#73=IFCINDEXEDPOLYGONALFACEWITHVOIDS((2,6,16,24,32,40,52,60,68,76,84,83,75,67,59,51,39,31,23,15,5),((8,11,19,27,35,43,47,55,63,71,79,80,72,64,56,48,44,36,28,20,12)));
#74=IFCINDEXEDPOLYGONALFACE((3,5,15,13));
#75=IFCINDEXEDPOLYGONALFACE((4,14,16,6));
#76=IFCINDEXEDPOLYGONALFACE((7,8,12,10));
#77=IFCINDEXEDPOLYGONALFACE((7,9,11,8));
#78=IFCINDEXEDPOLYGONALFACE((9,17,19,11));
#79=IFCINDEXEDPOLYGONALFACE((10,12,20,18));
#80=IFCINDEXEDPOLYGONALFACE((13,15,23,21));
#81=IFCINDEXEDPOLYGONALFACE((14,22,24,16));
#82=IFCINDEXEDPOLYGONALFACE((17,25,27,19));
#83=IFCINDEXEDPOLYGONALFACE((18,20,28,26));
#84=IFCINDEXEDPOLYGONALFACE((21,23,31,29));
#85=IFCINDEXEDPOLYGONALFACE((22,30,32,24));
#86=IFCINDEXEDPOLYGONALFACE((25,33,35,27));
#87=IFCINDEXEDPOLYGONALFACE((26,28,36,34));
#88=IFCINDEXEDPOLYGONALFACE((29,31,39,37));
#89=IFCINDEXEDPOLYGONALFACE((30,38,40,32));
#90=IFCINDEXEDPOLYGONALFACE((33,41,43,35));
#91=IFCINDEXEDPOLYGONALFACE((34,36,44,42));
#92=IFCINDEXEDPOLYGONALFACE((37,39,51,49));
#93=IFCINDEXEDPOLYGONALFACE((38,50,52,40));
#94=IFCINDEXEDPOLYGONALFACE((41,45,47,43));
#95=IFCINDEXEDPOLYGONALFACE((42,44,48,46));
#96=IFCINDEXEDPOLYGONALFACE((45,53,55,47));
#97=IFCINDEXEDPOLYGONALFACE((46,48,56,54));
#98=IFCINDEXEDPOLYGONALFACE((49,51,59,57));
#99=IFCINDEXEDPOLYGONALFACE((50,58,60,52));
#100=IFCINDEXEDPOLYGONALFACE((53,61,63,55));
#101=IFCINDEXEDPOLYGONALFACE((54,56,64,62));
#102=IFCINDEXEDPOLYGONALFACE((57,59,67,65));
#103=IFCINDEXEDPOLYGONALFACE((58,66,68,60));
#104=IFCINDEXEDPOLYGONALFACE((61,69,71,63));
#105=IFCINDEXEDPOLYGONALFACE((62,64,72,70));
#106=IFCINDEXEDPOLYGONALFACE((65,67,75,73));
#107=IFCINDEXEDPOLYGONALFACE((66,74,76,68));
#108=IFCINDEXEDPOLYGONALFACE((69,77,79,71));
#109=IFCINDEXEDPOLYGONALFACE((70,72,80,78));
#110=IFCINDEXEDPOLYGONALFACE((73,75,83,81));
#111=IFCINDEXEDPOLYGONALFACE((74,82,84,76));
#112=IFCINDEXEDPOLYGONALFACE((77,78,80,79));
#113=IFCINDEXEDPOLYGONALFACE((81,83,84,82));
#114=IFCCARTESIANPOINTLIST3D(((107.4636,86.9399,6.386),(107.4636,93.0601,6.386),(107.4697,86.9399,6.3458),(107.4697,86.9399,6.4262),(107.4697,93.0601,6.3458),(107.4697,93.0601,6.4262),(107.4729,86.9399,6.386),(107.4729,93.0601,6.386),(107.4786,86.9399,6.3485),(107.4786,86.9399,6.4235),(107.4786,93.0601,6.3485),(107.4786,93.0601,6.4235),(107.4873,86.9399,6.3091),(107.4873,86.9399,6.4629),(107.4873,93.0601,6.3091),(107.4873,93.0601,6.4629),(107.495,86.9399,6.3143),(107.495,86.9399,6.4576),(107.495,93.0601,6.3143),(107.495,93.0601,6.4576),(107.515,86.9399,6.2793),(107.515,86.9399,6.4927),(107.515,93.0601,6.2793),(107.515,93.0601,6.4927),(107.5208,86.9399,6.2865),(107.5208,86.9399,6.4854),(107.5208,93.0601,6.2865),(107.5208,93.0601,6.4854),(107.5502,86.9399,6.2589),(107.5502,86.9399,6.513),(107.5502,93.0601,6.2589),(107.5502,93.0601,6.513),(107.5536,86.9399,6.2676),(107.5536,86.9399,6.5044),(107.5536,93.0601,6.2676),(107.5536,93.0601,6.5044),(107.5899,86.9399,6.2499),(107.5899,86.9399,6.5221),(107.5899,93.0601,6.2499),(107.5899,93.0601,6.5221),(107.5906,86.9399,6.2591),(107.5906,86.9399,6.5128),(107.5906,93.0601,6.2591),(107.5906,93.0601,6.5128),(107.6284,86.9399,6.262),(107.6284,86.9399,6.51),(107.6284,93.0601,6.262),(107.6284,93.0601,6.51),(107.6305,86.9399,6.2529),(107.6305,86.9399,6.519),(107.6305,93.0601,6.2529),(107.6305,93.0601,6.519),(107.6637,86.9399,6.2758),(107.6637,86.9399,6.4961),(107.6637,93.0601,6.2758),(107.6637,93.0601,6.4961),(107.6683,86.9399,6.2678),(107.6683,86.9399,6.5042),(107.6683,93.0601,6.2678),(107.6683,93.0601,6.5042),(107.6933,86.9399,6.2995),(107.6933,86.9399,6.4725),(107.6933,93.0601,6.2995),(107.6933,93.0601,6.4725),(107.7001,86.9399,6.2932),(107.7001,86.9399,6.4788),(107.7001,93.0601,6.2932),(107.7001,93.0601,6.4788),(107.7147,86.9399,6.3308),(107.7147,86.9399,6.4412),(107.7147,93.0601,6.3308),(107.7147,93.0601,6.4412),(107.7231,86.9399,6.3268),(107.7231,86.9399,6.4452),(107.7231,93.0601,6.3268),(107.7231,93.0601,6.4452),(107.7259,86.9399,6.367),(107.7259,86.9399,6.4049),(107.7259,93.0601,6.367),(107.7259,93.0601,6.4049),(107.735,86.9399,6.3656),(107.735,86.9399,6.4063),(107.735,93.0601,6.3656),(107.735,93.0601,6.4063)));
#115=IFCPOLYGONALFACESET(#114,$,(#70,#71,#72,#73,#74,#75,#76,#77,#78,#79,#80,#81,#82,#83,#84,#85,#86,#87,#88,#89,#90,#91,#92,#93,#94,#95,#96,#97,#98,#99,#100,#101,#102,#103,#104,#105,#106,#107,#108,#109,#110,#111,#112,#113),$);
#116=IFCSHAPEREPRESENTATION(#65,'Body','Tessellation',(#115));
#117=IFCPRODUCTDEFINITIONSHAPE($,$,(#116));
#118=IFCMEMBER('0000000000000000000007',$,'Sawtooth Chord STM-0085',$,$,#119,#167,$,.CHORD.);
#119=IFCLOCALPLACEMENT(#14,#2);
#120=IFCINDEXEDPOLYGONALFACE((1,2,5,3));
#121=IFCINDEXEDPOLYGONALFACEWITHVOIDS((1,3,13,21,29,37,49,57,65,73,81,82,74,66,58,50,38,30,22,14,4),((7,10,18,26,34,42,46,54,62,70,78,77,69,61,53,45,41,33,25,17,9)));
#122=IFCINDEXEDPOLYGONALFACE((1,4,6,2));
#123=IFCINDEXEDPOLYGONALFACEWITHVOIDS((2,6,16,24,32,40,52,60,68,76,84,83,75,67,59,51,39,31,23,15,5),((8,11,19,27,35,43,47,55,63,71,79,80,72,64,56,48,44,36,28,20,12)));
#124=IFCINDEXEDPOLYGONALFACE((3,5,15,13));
● ● ● ● ● ● ●
In the material above, transcribe exactly the lines beginning at the one with "#88=IFCINDEXEDPOLYGONALFACE((29,31,39,37));" and ending at the one with "#104=IFCINDEXEDPOLYGONALFACE((61,69,71,63));", both included.

#88=IFCINDEXEDPOLYGONALFACE((29,31,39,37));
#89=IFCINDEXEDPOLYGONALFACE((30,38,40,32));
#90=IFCINDEXEDPOLYGONALFACE((33,41,43,35));
#91=IFCINDEXEDPOLYGONALFACE((34,36,44,42));
#92=IFCINDEXEDPOLYGONALFACE((37,39,51,49));
#93=IFCINDEXEDPOLYGONALFACE((38,50,52,40));
#94=IFCINDEXEDPOLYGONALFACE((41,45,47,43));
#95=IFCINDEXEDPOLYGONALFACE((42,44,48,46));
#96=IFCINDEXEDPOLYGONALFACE((45,53,55,47));
#97=IFCINDEXEDPOLYGONALFACE((46,48,56,54));
#98=IFCINDEXEDPOLYGONALFACE((49,51,59,57));
#99=IFCINDEXEDPOLYGONALFACE((50,58,60,52));
#100=IFCINDEXEDPOLYGONALFACE((53,61,63,55));
#101=IFCINDEXEDPOLYGONALFACE((54,56,64,62));
#102=IFCINDEXEDPOLYGONALFACE((57,59,67,65));
#103=IFCINDEXEDPOLYGONALFACE((58,66,68,60));
#104=IFCINDEXEDPOLYGONALFACE((61,69,71,63));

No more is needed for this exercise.